[Stored items from a collection]
-------
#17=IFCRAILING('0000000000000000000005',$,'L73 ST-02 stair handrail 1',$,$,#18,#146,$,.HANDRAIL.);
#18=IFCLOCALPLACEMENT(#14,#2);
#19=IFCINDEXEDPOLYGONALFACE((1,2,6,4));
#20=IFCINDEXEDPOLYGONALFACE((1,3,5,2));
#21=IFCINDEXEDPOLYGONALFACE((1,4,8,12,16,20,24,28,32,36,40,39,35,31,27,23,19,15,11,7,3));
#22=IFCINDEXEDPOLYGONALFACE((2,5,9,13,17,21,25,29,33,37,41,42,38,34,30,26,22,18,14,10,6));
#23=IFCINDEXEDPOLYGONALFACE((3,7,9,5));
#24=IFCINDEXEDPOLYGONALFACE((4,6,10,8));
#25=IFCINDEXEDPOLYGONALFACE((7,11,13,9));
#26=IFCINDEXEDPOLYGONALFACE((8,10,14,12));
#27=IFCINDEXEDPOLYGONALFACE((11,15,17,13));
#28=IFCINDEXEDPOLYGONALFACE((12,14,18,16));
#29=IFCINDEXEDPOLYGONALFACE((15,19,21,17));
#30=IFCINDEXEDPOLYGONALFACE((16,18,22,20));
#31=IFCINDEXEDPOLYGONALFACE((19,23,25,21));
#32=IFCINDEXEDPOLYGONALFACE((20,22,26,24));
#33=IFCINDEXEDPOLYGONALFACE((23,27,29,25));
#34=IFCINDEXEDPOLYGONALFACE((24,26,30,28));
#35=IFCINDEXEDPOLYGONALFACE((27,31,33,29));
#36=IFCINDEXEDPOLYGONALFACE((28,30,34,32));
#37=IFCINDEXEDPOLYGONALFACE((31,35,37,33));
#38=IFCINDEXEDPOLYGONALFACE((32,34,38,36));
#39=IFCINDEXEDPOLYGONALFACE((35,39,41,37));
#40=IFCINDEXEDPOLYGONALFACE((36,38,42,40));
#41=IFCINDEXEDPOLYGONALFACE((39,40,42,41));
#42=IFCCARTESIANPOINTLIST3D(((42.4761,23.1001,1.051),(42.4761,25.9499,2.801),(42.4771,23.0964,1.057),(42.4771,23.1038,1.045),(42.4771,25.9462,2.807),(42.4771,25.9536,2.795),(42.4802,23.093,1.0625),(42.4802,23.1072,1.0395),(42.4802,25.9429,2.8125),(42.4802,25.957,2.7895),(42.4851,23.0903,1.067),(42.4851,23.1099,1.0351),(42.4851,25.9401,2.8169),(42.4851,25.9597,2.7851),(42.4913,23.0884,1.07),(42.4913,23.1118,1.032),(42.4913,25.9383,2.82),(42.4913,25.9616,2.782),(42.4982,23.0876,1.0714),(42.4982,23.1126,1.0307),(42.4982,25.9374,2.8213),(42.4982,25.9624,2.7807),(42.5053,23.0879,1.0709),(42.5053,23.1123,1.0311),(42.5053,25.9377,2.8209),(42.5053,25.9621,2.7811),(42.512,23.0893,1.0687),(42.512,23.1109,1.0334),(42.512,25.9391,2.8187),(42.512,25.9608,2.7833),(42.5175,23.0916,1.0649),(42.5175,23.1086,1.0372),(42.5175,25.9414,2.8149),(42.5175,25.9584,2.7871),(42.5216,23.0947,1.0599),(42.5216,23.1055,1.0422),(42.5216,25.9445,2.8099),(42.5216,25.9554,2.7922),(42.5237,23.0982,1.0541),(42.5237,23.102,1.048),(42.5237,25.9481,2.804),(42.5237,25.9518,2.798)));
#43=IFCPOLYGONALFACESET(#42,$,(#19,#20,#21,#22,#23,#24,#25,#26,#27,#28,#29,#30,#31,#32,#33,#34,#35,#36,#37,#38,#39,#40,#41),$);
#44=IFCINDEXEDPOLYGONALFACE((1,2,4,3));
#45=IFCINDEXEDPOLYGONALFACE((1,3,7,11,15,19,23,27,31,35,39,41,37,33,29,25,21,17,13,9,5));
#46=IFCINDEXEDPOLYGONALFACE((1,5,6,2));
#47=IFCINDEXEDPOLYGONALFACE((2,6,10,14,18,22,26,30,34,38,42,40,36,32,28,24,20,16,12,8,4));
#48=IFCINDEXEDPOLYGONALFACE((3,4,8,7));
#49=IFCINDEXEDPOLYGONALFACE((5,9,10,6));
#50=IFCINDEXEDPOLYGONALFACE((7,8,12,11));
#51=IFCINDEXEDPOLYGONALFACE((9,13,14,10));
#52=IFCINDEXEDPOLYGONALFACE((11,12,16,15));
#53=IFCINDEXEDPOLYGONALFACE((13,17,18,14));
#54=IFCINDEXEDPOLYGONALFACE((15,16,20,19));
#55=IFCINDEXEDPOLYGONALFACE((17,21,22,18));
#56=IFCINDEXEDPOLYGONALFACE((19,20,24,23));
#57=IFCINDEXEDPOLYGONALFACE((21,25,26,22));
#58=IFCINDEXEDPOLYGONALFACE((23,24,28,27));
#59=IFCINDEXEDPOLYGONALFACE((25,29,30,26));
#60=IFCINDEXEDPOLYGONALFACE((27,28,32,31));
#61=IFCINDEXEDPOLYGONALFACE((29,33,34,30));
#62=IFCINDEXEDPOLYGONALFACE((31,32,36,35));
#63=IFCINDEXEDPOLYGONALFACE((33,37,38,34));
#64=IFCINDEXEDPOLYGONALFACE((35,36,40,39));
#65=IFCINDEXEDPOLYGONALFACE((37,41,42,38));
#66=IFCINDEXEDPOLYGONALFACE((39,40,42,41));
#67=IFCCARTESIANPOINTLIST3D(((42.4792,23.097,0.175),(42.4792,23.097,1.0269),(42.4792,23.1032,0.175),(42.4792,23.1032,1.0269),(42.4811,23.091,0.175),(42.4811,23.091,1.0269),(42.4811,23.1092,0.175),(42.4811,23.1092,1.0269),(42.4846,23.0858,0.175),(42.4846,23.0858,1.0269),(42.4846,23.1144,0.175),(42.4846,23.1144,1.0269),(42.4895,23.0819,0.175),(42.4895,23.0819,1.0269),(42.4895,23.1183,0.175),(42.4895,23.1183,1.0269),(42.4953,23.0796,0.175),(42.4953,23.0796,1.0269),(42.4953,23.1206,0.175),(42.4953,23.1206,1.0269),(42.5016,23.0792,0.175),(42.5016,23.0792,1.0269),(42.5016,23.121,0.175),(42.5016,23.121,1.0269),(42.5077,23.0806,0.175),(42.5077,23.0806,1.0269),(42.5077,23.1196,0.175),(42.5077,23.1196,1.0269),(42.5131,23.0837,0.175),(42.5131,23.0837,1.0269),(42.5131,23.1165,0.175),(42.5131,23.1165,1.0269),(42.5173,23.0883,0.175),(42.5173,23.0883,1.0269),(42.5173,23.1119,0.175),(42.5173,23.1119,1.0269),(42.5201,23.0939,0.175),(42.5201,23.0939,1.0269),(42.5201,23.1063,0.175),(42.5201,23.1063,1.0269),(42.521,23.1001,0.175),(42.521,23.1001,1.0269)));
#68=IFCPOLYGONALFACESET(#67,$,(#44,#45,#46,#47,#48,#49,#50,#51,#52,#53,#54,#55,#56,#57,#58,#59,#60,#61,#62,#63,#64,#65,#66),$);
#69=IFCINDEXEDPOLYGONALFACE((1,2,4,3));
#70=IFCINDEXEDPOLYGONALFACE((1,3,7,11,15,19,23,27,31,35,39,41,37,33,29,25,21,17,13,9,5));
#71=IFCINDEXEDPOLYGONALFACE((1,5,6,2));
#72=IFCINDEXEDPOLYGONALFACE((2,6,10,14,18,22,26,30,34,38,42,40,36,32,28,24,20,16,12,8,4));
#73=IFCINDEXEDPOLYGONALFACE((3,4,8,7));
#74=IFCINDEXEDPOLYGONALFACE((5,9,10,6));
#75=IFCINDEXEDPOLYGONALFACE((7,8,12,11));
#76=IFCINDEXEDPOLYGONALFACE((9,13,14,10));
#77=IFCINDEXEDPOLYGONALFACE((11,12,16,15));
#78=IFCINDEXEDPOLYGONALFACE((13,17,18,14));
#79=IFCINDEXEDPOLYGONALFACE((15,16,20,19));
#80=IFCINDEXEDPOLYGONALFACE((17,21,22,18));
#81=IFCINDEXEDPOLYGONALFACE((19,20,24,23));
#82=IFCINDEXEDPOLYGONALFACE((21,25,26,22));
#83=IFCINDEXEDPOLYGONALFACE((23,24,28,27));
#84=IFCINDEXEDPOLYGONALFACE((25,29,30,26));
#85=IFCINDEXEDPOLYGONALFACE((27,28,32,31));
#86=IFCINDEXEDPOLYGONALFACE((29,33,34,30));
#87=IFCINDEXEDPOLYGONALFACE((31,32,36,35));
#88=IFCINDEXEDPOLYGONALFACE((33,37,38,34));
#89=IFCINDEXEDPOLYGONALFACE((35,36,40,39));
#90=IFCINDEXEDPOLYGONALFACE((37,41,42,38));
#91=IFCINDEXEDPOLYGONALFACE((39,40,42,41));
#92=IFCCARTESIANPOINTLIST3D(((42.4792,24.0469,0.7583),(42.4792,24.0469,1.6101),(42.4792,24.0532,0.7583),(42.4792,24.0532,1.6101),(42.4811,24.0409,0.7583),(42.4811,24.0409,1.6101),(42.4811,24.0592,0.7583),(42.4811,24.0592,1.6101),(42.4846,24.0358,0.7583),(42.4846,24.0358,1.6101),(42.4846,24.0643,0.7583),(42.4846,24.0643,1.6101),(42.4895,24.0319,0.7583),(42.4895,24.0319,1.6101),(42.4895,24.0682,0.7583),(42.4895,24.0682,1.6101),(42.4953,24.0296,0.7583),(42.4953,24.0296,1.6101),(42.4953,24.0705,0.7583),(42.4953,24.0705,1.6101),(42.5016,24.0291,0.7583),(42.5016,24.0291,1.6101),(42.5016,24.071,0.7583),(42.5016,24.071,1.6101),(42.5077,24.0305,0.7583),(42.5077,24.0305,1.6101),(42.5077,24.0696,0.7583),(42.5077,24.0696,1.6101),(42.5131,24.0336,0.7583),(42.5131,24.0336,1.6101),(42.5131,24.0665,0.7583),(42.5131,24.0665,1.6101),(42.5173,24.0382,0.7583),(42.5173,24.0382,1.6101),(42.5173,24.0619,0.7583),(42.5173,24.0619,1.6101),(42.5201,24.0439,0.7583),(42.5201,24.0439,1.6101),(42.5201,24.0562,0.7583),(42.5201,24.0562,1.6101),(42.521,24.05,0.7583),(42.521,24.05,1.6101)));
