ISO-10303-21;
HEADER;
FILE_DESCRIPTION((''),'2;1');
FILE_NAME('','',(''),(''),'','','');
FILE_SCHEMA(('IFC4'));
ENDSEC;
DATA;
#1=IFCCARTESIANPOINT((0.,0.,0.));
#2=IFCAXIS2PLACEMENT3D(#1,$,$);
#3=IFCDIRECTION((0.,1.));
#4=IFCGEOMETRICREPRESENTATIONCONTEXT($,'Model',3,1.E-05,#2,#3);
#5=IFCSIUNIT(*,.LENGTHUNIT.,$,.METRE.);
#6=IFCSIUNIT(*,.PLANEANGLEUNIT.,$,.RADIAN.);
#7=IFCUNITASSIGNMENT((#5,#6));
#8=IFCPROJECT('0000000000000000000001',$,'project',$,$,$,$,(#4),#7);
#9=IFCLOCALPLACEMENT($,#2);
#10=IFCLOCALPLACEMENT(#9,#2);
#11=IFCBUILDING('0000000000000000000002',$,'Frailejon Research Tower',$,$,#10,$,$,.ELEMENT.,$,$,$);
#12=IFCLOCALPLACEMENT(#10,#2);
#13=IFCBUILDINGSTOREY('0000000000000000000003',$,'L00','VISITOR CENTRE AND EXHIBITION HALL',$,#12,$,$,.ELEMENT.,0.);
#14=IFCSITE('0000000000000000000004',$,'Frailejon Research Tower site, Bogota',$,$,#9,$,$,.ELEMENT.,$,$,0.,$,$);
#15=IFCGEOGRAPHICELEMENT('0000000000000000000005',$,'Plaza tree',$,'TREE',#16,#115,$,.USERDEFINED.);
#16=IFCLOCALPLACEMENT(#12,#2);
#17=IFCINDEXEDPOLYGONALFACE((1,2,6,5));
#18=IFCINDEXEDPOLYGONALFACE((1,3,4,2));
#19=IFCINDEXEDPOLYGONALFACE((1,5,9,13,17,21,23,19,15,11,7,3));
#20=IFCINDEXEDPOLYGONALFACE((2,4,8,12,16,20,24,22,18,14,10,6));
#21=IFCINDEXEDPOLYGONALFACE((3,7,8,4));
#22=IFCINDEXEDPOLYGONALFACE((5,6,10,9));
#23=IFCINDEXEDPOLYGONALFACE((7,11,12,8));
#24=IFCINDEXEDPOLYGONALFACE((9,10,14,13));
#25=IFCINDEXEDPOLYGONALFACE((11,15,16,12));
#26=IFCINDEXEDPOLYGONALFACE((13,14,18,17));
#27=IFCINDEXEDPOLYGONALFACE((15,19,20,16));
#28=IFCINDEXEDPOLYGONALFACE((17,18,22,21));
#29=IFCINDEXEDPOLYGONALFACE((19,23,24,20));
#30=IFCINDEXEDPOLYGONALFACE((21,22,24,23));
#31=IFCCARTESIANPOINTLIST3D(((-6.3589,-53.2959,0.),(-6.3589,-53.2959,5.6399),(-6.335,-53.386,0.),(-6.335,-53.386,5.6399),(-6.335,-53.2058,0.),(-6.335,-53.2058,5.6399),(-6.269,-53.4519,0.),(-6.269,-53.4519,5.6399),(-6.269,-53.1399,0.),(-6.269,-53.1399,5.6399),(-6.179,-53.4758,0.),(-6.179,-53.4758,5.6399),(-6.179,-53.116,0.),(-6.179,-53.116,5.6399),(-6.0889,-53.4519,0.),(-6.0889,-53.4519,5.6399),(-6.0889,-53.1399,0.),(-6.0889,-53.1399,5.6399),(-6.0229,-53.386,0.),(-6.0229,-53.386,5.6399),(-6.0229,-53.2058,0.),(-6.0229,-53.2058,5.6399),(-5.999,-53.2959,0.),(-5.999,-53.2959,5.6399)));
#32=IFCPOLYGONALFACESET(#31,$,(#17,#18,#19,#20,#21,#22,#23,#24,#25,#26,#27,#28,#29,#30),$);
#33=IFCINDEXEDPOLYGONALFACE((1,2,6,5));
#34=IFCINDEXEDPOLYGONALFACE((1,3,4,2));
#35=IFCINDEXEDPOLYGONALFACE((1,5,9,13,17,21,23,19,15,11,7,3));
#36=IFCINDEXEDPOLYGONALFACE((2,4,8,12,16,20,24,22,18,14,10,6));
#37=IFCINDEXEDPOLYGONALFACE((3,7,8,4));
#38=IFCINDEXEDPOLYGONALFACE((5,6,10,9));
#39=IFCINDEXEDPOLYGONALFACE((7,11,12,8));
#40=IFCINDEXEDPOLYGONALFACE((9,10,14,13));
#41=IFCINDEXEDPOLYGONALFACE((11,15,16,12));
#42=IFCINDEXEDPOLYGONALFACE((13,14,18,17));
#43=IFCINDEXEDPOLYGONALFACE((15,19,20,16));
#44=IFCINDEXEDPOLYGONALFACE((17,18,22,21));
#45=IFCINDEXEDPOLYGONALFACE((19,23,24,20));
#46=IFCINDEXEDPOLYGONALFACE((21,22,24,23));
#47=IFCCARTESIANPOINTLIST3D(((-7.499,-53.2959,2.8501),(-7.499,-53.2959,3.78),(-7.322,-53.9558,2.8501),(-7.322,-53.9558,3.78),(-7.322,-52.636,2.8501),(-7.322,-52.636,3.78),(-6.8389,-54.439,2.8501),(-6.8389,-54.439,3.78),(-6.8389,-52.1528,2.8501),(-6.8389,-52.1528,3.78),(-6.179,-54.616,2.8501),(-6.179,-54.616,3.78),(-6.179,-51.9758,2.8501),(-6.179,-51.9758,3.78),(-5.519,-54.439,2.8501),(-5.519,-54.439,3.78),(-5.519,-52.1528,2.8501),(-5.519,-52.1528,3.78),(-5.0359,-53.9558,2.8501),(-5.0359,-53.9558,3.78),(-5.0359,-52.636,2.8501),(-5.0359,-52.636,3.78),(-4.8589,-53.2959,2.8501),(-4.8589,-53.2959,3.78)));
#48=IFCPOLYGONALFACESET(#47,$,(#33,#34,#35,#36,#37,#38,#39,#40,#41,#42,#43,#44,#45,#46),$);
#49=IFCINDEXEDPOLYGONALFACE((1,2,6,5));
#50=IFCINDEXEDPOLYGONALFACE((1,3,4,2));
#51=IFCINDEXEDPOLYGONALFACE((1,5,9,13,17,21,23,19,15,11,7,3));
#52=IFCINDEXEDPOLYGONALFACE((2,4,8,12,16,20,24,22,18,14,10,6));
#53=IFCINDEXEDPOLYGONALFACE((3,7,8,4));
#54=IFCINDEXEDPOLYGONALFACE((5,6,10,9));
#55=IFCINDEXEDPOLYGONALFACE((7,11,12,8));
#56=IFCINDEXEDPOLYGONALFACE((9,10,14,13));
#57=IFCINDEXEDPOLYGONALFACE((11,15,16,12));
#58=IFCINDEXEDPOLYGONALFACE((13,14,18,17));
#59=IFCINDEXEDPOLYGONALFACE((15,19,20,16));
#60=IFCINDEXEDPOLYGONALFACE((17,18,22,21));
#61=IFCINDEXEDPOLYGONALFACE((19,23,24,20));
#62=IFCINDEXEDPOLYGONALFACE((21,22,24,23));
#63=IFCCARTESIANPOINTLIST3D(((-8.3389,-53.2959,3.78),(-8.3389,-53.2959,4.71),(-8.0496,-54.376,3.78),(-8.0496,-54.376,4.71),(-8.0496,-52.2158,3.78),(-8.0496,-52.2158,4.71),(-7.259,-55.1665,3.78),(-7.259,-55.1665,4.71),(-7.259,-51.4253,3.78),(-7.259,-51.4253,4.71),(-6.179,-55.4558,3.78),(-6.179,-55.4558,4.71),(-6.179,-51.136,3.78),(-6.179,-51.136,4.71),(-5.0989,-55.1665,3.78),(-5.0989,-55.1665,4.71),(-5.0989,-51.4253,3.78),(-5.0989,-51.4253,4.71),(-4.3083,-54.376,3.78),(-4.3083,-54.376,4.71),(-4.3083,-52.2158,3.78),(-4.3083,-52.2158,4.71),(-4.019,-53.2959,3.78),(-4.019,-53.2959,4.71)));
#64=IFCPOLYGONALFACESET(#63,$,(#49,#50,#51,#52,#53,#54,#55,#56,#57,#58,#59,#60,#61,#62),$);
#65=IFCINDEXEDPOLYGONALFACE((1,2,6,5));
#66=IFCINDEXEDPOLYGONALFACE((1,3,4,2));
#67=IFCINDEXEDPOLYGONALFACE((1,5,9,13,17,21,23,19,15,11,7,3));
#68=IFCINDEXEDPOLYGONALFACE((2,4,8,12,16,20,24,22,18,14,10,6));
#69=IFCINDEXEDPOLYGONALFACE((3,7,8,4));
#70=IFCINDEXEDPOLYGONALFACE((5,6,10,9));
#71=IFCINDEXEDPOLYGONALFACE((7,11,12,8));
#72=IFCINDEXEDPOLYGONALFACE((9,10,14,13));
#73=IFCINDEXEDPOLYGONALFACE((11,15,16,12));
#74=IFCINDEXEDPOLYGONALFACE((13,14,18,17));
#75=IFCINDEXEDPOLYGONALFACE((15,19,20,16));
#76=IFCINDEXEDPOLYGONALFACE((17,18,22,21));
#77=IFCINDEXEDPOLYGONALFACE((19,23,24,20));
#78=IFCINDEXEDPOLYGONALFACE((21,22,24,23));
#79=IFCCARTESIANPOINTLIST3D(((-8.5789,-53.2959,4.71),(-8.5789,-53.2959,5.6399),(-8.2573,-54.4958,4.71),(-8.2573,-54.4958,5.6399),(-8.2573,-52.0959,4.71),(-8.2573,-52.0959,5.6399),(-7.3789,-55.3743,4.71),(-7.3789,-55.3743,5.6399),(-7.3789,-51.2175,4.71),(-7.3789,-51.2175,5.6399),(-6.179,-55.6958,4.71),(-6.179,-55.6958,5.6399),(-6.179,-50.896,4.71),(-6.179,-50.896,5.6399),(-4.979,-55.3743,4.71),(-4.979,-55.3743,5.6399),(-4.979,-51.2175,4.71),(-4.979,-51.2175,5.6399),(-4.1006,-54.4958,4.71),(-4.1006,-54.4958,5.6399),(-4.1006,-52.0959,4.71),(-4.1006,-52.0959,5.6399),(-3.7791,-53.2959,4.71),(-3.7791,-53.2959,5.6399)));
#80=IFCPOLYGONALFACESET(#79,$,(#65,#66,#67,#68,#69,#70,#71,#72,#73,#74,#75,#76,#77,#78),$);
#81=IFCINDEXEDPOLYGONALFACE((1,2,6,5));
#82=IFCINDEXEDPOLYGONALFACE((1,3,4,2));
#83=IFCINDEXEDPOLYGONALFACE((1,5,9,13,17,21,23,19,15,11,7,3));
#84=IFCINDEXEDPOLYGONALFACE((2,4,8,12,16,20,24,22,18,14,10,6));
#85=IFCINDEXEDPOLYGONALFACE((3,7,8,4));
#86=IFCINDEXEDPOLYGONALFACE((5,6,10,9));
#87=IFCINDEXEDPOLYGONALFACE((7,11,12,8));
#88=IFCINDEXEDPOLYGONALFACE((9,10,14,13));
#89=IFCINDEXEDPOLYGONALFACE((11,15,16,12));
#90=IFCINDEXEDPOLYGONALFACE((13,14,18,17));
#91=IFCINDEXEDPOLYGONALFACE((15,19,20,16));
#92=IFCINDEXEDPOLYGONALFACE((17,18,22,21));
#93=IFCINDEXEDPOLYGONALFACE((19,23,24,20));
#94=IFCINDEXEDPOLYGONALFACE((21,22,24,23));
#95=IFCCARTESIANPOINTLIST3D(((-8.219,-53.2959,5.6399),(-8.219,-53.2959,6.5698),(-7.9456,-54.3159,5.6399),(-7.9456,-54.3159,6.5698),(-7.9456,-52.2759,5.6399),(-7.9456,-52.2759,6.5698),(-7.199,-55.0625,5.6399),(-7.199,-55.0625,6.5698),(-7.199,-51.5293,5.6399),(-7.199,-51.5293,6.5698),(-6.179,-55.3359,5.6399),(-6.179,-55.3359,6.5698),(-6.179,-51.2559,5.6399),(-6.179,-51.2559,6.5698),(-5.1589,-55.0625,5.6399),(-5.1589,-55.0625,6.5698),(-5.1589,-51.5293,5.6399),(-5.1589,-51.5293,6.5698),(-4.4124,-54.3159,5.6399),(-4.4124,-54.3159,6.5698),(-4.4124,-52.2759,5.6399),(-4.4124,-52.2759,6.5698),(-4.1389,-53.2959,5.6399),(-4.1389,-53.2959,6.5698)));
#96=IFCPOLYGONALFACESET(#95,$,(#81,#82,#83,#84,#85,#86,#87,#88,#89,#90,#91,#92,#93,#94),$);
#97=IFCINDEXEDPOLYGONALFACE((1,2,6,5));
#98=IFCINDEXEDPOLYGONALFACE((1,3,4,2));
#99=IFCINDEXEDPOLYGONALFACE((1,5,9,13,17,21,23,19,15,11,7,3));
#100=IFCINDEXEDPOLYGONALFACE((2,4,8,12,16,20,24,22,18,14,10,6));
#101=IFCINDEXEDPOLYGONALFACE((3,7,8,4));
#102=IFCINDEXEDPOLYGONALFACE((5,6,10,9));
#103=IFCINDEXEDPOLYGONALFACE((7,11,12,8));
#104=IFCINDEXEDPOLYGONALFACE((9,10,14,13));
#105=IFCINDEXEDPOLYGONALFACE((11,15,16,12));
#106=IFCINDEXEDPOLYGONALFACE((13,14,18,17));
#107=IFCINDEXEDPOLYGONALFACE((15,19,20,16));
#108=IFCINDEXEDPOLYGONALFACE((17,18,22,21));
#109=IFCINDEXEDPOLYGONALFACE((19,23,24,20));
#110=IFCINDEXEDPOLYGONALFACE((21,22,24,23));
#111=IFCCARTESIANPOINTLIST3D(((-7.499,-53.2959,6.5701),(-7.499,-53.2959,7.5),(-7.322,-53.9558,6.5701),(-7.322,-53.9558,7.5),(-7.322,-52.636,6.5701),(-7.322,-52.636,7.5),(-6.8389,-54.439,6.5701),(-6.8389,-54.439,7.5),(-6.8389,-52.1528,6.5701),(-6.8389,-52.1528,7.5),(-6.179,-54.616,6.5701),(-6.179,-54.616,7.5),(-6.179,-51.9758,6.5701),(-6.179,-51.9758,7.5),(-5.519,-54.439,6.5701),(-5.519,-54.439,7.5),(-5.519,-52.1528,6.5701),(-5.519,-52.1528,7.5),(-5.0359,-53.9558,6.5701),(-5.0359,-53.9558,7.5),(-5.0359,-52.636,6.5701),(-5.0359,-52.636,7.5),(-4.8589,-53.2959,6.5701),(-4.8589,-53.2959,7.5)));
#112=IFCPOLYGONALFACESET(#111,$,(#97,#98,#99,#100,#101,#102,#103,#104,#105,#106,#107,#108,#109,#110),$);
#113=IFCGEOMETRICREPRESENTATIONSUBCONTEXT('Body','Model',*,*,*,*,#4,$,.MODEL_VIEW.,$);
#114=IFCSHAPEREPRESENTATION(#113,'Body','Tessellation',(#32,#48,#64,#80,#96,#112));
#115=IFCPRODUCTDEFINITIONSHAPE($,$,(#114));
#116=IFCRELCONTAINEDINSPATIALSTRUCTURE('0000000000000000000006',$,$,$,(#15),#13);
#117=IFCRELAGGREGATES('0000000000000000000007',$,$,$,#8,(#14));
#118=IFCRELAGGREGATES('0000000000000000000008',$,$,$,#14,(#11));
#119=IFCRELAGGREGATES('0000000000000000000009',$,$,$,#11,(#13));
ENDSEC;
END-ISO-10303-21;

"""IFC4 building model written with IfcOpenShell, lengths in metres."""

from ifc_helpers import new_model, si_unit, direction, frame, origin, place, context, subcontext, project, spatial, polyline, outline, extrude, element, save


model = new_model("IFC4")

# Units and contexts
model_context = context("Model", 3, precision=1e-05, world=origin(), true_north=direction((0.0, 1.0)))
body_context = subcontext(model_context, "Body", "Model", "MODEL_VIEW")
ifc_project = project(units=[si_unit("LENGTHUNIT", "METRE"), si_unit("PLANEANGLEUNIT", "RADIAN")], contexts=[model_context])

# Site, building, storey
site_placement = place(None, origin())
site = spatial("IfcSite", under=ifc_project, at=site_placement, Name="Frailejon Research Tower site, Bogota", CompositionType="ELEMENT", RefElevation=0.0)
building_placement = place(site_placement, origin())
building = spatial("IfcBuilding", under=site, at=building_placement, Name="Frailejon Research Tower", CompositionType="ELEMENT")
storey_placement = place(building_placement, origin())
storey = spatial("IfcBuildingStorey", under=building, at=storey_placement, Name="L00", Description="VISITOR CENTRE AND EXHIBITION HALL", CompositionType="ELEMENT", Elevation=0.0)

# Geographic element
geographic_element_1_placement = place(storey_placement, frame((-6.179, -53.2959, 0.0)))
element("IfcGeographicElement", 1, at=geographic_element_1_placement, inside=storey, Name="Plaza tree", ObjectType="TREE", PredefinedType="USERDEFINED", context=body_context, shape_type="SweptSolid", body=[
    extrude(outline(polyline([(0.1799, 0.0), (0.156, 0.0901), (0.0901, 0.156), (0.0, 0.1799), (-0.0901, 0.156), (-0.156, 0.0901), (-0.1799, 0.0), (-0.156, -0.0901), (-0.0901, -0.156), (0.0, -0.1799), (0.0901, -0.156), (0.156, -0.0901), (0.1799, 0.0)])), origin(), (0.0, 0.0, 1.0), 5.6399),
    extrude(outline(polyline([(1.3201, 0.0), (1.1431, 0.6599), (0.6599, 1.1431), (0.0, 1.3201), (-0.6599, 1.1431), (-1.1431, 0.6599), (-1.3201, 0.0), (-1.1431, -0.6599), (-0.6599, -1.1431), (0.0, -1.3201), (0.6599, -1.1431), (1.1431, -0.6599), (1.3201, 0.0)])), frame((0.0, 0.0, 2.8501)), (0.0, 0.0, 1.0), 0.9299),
-------
AIM OF THE EXERCISE: Show each line of the data that contains the string "IFCRELAGGREGATES".

EXERCISE OUTPUT:
#117=IFCRELAGGREGATES('0000000000000000000007',$,$,$,#8,(#14));
#118=IFCRELAGGREGATES('0000000000000000000008',$,$,$,#14,(#11));
#119=IFCRELAGGREGATES('0000000000000000000009',$,$,$,#11,(#13));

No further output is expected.